▶ [YOUR GOAL]:
Check every line of the records below for the string "IFCSHAPEREPRESENTATION" and copy the ones that have it.

=== Section Start ===

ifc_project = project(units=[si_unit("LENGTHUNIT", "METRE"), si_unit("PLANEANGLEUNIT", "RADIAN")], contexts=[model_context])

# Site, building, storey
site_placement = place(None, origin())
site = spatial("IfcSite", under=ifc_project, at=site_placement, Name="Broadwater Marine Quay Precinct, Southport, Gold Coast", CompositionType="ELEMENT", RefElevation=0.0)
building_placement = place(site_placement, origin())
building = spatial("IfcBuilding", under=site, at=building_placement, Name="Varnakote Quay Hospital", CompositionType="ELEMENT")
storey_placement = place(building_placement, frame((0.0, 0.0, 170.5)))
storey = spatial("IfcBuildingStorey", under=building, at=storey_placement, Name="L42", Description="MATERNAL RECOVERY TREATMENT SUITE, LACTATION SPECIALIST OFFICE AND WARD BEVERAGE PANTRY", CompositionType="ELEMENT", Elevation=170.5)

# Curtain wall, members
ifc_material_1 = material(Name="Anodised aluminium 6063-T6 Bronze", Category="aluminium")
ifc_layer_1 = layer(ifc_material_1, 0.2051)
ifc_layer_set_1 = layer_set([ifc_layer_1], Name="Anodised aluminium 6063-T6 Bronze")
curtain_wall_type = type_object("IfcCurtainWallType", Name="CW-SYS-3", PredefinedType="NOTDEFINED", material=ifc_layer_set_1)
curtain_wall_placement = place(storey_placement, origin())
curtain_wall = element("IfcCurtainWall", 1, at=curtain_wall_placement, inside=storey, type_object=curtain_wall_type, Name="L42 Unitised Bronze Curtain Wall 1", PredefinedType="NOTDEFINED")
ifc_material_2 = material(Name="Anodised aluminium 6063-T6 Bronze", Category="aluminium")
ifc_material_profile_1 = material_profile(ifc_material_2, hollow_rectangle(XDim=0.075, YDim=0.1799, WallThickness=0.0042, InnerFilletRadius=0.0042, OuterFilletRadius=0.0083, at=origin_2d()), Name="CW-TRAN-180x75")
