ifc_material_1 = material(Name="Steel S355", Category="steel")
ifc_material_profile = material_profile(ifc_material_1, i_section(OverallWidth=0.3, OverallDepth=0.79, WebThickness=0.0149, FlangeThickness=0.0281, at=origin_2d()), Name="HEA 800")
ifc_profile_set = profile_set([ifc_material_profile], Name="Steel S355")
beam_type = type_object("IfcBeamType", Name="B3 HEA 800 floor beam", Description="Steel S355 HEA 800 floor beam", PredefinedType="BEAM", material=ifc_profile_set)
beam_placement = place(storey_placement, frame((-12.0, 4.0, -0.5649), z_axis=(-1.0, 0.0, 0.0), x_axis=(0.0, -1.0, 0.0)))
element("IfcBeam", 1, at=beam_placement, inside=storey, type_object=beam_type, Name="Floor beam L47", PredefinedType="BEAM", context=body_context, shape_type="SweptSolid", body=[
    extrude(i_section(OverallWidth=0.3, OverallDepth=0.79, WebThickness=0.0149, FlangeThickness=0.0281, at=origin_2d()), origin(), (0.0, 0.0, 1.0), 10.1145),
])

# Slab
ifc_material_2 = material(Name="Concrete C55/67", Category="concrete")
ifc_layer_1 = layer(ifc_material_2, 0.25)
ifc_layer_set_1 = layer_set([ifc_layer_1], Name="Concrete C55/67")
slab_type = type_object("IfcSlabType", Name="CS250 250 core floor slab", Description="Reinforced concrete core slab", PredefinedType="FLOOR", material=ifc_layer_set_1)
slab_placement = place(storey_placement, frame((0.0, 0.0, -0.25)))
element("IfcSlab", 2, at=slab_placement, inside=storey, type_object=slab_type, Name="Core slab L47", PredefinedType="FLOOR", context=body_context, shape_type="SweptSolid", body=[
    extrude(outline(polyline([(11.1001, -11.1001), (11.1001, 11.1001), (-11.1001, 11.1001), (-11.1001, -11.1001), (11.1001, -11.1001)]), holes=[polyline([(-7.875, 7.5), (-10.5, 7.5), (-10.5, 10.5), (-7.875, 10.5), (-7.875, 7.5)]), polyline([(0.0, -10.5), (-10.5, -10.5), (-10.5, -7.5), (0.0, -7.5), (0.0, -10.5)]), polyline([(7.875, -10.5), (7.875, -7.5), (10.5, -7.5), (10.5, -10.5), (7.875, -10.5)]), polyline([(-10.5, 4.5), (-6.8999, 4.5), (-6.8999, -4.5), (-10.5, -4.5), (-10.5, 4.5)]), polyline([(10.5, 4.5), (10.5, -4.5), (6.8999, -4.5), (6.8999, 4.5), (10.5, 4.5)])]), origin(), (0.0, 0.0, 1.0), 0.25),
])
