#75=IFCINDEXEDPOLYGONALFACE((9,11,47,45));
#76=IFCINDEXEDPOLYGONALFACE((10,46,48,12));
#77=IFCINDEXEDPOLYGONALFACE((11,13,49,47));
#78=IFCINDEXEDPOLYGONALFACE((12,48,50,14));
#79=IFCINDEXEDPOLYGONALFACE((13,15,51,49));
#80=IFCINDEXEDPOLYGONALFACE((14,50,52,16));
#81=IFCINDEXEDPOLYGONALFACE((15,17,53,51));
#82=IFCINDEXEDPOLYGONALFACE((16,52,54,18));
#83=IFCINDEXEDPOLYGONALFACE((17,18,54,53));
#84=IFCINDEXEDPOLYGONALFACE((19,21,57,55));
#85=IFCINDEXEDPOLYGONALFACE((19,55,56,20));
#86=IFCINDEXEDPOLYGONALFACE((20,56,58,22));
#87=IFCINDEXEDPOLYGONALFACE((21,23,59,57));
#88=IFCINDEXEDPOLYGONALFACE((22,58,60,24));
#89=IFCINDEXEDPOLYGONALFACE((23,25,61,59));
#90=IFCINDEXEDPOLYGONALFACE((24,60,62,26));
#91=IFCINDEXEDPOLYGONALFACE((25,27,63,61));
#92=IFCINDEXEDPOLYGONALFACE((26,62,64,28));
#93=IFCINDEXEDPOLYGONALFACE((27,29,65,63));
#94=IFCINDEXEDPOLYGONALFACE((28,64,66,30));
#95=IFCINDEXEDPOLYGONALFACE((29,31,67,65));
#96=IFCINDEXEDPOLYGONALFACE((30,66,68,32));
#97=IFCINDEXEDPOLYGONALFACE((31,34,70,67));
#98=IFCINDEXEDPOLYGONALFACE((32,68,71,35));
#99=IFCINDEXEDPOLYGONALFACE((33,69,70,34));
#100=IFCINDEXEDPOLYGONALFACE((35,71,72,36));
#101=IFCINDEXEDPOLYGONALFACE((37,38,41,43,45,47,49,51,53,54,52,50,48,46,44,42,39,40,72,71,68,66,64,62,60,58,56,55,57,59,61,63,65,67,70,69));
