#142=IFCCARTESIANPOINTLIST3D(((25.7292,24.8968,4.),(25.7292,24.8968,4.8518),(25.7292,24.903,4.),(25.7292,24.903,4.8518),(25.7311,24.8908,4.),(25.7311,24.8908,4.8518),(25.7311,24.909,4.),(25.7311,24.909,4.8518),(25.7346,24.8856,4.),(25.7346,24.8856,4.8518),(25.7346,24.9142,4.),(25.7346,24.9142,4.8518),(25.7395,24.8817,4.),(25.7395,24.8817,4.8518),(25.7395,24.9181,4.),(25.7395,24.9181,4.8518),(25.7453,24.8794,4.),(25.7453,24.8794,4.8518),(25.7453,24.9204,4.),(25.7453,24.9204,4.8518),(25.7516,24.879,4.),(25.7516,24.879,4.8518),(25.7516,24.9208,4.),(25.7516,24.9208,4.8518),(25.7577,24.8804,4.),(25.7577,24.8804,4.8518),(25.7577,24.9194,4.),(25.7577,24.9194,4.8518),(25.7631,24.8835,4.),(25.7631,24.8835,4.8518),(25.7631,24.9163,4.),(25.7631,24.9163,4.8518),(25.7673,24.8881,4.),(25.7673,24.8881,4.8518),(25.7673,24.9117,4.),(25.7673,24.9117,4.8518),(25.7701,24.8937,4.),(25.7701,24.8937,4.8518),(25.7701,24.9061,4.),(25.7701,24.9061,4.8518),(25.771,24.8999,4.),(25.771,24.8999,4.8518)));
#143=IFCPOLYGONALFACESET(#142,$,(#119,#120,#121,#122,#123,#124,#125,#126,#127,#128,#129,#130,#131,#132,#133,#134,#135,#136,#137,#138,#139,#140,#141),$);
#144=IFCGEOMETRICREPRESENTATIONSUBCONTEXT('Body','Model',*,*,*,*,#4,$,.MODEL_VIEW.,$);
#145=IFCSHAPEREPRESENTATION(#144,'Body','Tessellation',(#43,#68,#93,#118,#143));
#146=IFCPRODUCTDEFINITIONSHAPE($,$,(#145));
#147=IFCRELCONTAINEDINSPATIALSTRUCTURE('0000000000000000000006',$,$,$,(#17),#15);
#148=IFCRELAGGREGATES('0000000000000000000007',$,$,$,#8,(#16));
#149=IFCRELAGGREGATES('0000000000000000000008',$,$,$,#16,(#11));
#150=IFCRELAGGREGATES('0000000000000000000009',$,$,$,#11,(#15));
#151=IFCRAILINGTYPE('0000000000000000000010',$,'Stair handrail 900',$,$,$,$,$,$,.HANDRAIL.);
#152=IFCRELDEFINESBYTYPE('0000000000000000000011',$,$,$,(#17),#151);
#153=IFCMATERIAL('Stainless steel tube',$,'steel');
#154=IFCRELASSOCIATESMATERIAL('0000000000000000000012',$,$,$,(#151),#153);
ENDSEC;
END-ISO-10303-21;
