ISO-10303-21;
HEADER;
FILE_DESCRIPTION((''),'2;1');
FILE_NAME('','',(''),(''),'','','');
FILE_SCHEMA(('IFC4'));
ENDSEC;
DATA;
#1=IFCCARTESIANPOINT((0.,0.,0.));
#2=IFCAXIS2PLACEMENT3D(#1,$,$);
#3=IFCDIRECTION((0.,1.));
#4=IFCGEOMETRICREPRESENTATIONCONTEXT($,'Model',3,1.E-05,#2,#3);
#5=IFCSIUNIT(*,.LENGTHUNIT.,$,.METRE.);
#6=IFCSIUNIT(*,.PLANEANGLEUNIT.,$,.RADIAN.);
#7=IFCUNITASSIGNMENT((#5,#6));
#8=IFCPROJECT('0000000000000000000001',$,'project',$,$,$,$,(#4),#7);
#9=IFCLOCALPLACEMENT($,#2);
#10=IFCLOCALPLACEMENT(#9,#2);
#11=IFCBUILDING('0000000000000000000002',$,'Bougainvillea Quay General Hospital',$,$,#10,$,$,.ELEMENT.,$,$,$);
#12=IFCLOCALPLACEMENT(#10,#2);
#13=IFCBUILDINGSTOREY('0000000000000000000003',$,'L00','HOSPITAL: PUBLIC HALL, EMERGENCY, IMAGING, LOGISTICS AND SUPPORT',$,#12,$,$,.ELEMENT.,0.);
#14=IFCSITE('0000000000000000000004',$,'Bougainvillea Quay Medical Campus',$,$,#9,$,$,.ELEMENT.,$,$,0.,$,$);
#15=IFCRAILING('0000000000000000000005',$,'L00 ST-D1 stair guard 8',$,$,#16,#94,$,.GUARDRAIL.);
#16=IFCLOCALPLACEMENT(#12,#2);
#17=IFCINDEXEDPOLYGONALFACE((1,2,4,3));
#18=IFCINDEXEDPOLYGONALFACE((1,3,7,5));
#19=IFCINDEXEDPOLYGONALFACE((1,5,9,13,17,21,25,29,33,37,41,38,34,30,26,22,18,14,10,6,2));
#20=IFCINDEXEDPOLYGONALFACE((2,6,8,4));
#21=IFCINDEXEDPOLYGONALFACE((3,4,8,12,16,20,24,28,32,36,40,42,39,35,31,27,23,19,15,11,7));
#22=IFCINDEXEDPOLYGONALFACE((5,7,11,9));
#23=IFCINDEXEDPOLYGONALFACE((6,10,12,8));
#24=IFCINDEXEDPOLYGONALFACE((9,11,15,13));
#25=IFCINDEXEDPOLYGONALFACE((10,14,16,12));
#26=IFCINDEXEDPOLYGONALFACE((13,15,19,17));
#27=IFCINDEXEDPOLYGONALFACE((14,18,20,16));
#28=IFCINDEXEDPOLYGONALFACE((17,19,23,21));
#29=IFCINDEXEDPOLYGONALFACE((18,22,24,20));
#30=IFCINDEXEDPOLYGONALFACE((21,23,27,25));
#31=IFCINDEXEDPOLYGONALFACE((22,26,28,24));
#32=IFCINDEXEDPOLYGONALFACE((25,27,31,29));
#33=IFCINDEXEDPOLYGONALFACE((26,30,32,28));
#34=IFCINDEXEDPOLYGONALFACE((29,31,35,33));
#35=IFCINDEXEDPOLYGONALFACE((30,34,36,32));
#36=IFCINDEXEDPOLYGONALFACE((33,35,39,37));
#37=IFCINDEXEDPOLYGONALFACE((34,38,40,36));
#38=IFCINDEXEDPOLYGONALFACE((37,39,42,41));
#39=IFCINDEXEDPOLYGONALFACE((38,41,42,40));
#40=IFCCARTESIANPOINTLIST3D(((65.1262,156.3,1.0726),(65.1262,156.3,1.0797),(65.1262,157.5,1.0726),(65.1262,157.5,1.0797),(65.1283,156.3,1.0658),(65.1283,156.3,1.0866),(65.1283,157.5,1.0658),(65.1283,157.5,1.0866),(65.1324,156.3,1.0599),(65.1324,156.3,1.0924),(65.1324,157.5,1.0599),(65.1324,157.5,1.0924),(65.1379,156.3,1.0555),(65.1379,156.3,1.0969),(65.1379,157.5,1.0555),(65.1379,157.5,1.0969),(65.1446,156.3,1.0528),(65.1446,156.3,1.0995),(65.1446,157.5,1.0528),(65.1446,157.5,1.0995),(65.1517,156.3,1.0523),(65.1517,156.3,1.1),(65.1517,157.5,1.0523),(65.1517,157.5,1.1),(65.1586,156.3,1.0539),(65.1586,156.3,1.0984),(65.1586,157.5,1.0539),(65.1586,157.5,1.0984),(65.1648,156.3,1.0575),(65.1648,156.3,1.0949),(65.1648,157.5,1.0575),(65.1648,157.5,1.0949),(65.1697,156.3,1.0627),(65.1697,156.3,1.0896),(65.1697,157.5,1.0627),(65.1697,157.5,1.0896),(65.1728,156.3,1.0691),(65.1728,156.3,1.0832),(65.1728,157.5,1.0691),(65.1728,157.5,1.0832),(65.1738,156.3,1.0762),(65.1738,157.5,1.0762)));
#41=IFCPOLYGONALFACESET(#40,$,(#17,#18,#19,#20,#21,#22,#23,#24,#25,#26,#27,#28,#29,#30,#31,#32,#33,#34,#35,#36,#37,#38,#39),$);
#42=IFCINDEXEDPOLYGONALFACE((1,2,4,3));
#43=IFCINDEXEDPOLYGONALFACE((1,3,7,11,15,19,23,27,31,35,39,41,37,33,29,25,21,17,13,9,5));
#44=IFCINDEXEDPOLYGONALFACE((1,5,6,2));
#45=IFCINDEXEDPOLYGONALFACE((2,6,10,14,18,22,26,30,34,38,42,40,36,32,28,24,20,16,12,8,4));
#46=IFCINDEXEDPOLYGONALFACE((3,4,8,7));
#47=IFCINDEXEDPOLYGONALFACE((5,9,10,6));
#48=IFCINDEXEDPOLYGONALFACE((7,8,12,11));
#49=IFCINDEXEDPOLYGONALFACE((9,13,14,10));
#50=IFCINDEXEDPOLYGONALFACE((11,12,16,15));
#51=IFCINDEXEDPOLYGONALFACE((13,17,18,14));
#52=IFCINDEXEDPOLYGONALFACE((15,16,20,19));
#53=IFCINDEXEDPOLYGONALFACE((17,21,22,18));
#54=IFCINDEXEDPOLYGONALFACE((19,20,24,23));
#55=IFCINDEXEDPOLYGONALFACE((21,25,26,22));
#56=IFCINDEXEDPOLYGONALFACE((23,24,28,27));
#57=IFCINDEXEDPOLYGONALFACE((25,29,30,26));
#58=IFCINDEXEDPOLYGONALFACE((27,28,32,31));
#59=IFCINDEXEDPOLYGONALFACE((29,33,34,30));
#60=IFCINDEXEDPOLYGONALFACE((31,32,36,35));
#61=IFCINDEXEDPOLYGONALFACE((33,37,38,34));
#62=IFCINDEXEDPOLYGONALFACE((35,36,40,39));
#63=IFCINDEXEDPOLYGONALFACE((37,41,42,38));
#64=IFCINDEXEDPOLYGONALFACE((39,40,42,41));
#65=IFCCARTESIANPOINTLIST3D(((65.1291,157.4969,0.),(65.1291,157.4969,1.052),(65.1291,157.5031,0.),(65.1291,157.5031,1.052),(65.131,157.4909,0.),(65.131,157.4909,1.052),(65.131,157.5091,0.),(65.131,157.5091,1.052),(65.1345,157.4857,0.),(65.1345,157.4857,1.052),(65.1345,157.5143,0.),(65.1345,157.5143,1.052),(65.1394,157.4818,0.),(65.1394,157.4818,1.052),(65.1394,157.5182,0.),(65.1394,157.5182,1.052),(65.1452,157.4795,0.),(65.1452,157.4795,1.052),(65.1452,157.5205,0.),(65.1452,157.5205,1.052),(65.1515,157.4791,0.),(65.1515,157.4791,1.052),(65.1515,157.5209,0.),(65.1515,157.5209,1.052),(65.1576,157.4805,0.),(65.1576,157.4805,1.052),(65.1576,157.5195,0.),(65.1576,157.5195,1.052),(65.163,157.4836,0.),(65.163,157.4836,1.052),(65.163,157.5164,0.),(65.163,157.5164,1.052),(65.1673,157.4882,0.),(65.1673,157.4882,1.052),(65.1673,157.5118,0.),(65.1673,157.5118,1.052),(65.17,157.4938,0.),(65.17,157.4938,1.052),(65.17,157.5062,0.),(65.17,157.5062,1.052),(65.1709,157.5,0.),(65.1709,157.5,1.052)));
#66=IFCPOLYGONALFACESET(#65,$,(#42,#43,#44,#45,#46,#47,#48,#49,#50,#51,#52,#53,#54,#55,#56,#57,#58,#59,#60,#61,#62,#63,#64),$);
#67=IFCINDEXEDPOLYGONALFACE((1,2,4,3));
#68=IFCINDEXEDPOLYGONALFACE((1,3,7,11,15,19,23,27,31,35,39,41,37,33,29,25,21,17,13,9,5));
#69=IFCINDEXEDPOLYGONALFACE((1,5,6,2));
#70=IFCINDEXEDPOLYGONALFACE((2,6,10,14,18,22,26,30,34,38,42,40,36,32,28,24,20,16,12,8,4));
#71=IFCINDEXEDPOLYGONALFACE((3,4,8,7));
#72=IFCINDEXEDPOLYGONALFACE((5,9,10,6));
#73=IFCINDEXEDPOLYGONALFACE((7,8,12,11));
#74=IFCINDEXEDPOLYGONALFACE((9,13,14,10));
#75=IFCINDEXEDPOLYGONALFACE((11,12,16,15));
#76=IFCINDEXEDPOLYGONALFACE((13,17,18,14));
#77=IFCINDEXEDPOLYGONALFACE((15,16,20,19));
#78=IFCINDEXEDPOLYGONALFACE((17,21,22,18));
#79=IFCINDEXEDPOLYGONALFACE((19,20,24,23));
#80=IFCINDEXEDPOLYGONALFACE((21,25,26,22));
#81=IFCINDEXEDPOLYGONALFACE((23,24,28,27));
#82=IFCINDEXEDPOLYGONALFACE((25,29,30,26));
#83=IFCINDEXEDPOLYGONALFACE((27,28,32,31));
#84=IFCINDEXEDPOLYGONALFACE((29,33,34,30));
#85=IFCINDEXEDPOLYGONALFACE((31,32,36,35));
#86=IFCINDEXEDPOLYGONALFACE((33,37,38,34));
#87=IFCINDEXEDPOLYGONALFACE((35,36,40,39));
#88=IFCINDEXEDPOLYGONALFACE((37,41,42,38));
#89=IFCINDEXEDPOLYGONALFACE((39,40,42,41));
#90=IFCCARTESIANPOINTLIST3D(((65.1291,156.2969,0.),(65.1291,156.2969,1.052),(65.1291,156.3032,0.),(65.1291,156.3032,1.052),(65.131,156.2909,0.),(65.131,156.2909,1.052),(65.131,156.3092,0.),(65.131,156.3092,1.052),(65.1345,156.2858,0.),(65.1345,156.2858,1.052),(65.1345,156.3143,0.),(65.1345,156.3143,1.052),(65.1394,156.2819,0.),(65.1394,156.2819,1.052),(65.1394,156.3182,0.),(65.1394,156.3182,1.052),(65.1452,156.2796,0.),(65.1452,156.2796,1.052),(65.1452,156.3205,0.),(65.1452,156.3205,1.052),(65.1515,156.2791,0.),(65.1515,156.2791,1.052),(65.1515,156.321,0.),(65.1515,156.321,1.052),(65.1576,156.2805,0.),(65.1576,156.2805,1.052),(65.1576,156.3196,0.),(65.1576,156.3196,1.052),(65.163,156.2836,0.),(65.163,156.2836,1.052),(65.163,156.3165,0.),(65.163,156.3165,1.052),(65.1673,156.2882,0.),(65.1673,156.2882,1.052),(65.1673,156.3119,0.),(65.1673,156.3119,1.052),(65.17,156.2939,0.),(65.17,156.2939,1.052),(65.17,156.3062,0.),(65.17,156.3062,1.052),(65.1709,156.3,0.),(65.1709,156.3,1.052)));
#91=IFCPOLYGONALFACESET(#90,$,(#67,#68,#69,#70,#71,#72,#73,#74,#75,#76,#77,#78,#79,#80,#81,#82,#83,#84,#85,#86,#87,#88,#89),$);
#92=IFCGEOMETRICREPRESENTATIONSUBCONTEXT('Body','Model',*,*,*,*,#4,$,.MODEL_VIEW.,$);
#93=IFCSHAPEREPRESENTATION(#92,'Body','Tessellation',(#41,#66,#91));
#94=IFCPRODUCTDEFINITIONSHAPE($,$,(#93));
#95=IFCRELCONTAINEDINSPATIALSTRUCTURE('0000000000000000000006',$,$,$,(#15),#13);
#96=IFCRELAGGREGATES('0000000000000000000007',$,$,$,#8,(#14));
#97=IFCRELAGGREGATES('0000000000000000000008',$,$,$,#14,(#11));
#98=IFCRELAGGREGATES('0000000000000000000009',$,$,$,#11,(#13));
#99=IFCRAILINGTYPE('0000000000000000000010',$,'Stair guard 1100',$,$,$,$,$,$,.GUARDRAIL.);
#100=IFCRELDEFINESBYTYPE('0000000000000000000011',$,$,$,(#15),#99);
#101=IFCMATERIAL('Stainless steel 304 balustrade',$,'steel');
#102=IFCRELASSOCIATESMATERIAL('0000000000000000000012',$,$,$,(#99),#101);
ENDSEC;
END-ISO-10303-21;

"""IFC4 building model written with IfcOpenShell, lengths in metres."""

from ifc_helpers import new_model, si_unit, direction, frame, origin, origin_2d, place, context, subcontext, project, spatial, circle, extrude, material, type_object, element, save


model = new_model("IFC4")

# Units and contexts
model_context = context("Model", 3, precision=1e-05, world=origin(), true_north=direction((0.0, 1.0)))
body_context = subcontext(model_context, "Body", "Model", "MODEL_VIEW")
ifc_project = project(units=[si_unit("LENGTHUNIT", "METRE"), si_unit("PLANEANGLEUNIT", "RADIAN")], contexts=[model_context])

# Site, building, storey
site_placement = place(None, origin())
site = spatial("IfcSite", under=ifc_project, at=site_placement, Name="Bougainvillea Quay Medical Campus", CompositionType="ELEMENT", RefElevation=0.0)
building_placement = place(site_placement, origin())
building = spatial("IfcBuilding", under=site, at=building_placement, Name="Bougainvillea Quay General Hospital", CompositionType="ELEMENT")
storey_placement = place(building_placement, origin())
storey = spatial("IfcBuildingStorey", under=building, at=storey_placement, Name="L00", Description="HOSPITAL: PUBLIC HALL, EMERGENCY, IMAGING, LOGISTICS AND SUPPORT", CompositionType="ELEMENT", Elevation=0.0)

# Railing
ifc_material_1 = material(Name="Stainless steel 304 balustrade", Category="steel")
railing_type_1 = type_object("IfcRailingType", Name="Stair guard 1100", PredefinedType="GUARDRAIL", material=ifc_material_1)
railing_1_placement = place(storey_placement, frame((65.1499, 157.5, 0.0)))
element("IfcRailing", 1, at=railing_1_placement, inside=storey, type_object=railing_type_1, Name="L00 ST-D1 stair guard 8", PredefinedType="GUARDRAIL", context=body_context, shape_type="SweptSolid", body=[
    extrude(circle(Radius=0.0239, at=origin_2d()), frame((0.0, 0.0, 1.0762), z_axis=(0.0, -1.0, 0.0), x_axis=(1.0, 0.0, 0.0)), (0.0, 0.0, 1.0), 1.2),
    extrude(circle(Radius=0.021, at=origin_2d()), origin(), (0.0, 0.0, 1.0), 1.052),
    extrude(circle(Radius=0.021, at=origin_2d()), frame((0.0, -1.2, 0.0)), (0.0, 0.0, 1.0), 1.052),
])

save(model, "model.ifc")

=== Section End ===

▶ [REPLY]:
#145=IFCSHAPEREPRESENTATION(#144,'Body','Tessellation',(#43,#68,#93,#118,#143));
#93=IFCSHAPEREPRESENTATION(#92,'Body','Tessellation',(#41,#66,#91));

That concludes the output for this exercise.